### Problem
Each entry should be written out again exactly, so that nothing is lost.

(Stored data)

- - -

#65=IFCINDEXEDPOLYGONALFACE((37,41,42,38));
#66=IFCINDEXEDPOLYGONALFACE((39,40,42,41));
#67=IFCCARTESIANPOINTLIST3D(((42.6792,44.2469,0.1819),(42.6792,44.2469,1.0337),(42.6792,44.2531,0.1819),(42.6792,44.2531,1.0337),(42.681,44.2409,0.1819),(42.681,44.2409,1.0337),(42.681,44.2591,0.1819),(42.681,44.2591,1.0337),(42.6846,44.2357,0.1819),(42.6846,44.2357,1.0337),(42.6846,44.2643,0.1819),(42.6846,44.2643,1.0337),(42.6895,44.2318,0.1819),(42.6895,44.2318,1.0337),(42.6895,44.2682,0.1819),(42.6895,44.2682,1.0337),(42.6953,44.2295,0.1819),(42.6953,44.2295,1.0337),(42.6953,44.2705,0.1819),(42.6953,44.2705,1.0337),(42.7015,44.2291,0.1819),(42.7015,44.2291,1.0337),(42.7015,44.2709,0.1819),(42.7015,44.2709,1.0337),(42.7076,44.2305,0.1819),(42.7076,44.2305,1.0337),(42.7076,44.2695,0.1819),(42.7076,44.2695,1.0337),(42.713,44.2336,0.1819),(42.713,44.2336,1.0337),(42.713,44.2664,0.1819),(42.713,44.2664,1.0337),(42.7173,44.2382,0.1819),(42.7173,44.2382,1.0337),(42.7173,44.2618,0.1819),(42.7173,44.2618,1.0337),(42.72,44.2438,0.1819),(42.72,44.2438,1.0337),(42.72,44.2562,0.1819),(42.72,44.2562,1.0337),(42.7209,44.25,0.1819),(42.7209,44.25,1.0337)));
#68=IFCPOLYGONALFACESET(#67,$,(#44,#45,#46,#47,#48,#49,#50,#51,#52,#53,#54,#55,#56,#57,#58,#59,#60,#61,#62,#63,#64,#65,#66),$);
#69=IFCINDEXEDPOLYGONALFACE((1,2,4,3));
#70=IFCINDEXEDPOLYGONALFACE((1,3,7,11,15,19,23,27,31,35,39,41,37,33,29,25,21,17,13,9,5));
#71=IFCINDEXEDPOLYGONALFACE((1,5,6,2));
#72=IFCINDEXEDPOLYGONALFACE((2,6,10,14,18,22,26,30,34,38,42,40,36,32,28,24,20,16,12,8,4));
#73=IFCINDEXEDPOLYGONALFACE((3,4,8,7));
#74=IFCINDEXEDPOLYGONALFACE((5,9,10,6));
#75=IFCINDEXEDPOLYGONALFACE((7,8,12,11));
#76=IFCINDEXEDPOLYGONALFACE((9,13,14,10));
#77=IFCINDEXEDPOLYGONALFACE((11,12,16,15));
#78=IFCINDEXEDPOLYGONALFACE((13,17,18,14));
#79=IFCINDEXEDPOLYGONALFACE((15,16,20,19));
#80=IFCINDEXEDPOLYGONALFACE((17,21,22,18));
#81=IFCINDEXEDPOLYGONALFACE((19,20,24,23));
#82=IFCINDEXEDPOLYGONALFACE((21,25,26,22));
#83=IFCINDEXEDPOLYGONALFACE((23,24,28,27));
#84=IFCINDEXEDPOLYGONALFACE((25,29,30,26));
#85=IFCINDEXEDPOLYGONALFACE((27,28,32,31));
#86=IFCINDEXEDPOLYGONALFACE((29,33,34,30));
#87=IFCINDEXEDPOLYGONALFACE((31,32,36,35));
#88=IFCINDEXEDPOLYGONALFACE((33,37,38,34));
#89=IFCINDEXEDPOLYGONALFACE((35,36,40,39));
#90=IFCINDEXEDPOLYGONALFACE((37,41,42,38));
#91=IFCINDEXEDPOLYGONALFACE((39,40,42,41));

- - -

### Response to this task
#65=IFCINDEXEDPOLYGONALFACE((37,41,42,38));
#66=IFCINDEXEDPOLYGONALFACE((39,40,42,41));
#67=IFCCARTESIANPOINTLIST3D(((42.6792,44.2469,0.1819),(42.6792,44.2469,1.0337),(42.6792,44.2531,0.1819),(42.6792,44.2531,1.0337),(42.681,44.2409,0.1819),(42.681,44.2409,1.0337),(42.681,44.2591,0.1819),(42.681,44.2591,1.0337),(42.6846,44.2357,0.1819),(42.6846,44.2357,1.0337),(42.6846,44.2643,0.1819),(42.6846,44.2643,1.0337),(42.6895,44.2318,0.1819),(42.6895,44.2318,1.0337),(42.6895,44.2682,0.1819),(42.6895,44.2682,1.0337),(42.6953,44.2295,0.1819),(42.6953,44.2295,1.0337),(42.6953,44.2705,0.1819),(42.6953,44.2705,1.0337),(42.7015,44.2291,0.1819),(42.7015,44.2291,1.0337),(42.7015,44.2709,0.1819),(42.7015,44.2709,1.0337),(42.7076,44.2305,0.1819),(42.7076,44.2305,1.0337),(42.7076,44.2695,0.1819),(42.7076,44.2695,1.0337),(42.713,44.2336,0.1819),(42.713,44.2336,1.0337),(42.713,44.2664,0.1819),(42.713,44.2664,1.0337),(42.7173,44.2382,0.1819),(42.7173,44.2382,1.0337),(42.7173,44.2618,0.1819),(42.7173,44.2618,1.0337),(42.72,44.2438,0.1819),(42.72,44.2438,1.0337),(42.72,44.2562,0.1819),(42.72,44.2562,1.0337),(42.7209,44.25,0.1819),(42.7209,44.25,1.0337)));
#68=IFCPOLYGONALFACESET(#67,$,(#44,#45,#46,#47,#48,#49,#50,#51,#52,#53,#54,#55,#56,#57,#58,#59,#60,#61,#62,#63,#64,#65,#66),$);
#69=IFCINDEXEDPOLYGONALFACE((1,2,4,3));
#70=IFCINDEXEDPOLYGONALFACE((1,3,7,11,15,19,23,27,31,35,39,41,37,33,29,25,21,17,13,9,5));
#71=IFCINDEXEDPOLYGONALFACE((1,5,6,2));
#72=IFCINDEXEDPOLYGONALFACE((2,6,10,14,18,22,26,30,34,38,42,40,36,32,28,24,20,16,12,8,4));
#73=IFCINDEXEDPOLYGONALFACE((3,4,8,7));
#74=IFCINDEXEDPOLYGONALFACE((5,9,10,6));
#75=IFCINDEXEDPOLYGONALFACE((7,8,12,11));
#76=IFCINDEXEDPOLYGONALFACE((9,13,14,10));
#77=IFCINDEXEDPOLYGONALFACE((11,12,16,15));
#78=IFCINDEXEDPOLYGONALFACE((13,17,18,14));
#79=IFCINDEXEDPOLYGONALFACE((15,16,20,19));
#80=IFCINDEXEDPOLYGONALFACE((17,21,22,18));
#81=IFCINDEXEDPOLYGONALFACE((19,20,24,23));
#82=IFCINDEXEDPOLYGONALFACE((21,25,26,22));
#83=IFCINDEXEDPOLYGONALFACE((23,24,28,27));
#84=IFCINDEXEDPOLYGONALFACE((25,29,30,26));
#85=IFCINDEXEDPOLYGONALFACE((27,28,32,31));
#86=IFCINDEXEDPOLYGONALFACE((29,33,34,30));
#87=IFCINDEXEDPOLYGONALFACE((31,32,36,35));
#88=IFCINDEXEDPOLYGONALFACE((33,37,38,34));
#89=IFCINDEXEDPOLYGONALFACE((35,36,40,39));
#90=IFCINDEXEDPOLYGONALFACE((37,41,42,38));
#91=IFCINDEXEDPOLYGONALFACE((39,40,42,41));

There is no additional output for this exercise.